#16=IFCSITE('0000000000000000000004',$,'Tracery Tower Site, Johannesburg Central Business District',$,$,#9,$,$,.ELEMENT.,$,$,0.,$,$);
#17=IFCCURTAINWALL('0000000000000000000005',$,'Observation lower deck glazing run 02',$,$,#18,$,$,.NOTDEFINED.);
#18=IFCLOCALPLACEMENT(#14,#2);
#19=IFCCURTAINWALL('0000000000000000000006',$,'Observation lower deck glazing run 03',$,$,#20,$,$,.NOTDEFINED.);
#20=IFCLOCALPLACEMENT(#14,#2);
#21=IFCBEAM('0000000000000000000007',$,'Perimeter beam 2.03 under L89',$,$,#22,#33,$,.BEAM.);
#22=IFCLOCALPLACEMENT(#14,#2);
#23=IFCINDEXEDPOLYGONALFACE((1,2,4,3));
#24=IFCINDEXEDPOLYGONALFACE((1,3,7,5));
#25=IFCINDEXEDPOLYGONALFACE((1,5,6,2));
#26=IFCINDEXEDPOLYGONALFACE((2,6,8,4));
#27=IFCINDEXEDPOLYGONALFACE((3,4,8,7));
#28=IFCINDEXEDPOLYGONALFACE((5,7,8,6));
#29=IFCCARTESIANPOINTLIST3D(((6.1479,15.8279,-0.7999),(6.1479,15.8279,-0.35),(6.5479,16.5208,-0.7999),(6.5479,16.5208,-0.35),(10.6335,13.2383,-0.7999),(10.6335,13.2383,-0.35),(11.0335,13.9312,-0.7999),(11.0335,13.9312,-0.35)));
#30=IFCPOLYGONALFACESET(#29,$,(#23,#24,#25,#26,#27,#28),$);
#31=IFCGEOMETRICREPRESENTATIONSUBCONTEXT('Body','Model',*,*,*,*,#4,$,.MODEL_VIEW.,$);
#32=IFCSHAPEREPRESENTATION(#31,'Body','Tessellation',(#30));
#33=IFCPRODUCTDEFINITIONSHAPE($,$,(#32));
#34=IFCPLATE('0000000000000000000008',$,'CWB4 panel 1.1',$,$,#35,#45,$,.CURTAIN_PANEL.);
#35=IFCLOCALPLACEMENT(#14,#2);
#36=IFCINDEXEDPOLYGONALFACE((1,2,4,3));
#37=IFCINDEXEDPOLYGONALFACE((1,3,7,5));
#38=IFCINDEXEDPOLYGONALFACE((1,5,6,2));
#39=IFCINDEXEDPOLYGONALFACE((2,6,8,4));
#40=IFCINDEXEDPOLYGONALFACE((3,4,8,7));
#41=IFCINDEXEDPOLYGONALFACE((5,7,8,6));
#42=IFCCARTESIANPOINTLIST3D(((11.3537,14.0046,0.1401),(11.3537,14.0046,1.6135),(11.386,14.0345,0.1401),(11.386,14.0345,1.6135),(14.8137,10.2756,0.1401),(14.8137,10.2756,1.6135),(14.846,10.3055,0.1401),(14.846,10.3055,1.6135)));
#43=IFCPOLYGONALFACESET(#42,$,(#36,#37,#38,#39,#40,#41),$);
* * *
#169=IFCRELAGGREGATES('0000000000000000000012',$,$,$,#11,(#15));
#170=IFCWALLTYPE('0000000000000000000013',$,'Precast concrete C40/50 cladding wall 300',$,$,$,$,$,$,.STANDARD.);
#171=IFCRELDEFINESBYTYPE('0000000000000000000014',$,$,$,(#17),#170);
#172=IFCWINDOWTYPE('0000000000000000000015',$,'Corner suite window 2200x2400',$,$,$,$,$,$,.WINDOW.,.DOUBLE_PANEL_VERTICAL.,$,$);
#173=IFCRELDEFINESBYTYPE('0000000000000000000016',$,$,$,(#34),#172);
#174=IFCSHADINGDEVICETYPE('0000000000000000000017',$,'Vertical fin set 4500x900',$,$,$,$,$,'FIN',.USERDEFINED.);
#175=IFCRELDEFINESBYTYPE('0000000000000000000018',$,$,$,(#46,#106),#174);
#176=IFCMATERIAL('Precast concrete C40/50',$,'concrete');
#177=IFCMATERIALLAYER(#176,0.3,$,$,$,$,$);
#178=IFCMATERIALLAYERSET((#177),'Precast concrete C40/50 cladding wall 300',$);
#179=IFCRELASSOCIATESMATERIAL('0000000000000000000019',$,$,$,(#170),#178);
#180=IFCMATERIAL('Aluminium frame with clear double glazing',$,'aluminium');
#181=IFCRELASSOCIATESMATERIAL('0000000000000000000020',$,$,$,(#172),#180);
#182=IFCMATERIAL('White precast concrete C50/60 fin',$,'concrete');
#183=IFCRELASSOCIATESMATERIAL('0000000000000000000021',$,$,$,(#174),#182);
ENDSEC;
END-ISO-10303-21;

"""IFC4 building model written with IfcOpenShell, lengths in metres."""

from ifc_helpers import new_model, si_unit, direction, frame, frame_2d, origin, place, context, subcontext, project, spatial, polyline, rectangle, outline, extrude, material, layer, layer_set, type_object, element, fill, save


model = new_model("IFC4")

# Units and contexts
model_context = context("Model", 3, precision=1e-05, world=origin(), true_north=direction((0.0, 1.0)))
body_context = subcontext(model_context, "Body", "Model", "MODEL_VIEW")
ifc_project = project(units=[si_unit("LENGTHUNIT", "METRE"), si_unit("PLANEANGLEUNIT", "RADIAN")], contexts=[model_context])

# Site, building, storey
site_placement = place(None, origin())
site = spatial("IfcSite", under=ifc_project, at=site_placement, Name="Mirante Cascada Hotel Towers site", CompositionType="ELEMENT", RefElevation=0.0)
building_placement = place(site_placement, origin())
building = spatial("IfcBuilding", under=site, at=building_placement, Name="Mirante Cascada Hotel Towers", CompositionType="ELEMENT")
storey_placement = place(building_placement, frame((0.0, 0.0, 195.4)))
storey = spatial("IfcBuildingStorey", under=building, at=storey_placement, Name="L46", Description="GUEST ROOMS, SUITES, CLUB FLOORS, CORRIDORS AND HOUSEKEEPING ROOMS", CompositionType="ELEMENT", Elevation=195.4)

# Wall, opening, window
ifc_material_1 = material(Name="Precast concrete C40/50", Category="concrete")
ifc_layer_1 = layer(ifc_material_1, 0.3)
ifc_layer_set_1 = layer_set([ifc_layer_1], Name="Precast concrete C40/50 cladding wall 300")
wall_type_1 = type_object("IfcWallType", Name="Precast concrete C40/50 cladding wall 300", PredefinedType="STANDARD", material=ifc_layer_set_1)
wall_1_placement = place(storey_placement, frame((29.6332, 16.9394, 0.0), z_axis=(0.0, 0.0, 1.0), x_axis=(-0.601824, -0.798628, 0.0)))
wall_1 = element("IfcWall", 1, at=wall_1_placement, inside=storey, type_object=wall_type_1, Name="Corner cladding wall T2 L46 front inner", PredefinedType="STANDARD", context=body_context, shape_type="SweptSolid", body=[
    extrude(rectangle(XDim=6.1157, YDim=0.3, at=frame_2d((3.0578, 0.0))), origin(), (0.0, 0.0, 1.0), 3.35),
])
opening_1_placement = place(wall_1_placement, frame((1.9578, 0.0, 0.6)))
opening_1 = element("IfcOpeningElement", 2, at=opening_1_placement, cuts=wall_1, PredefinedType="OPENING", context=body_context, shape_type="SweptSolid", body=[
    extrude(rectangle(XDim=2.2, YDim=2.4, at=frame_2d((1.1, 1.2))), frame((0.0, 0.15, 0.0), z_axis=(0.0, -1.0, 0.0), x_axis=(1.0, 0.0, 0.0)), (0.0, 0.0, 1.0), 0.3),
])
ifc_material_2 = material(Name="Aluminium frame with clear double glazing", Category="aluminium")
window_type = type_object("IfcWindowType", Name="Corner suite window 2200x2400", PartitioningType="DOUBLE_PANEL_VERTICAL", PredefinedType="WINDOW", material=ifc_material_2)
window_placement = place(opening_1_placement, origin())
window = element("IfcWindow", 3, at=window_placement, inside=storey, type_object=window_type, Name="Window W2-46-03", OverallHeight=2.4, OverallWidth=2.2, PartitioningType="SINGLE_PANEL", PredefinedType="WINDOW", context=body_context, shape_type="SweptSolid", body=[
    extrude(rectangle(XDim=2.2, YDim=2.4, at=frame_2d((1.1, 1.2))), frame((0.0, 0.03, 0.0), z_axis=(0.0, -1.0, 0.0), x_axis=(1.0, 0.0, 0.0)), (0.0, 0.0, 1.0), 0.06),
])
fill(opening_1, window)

Assignment
Give back the records above exactly, limited to the lines between the one holding "#30=IFCPOLYGONALFACESET(#29,$,(#23,#24,#25,#26,#27,#28),$);" and the one holding "#41=IFCINDEXEDPOLYGONALFACE((5,7,8,6));", inclusive.

Response to this exercise
#30=IFCPOLYGONALFACESET(#29,$,(#23,#24,#25,#26,#27,#28),$);
#31=IFCGEOMETRICREPRESENTATIONSUBCONTEXT('Body','Model',*,*,*,*,#4,$,.MODEL_VIEW.,$);
#32=IFCSHAPEREPRESENTATION(#31,'Body','Tessellation',(#30));
#33=IFCPRODUCTDEFINITIONSHAPE($,$,(#32));
#34=IFCPLATE('0000000000000000000008',$,'CWB4 panel 1.1',$,$,#35,#45,$,.CURTAIN_PANEL.);
#35=IFCLOCALPLACEMENT(#14,#2);
#36=IFCINDEXEDPOLYGONALFACE((1,2,4,3));
#37=IFCINDEXEDPOLYGONALFACE((1,3,7,5));
#38=IFCINDEXEDPOLYGONALFACE((1,5,6,2));
#39=IFCINDEXEDPOLYGONALFACE((2,6,8,4));
#40=IFCINDEXEDPOLYGONALFACE((3,4,8,7));
#41=IFCINDEXEDPOLYGONALFACE((5,7,8,6));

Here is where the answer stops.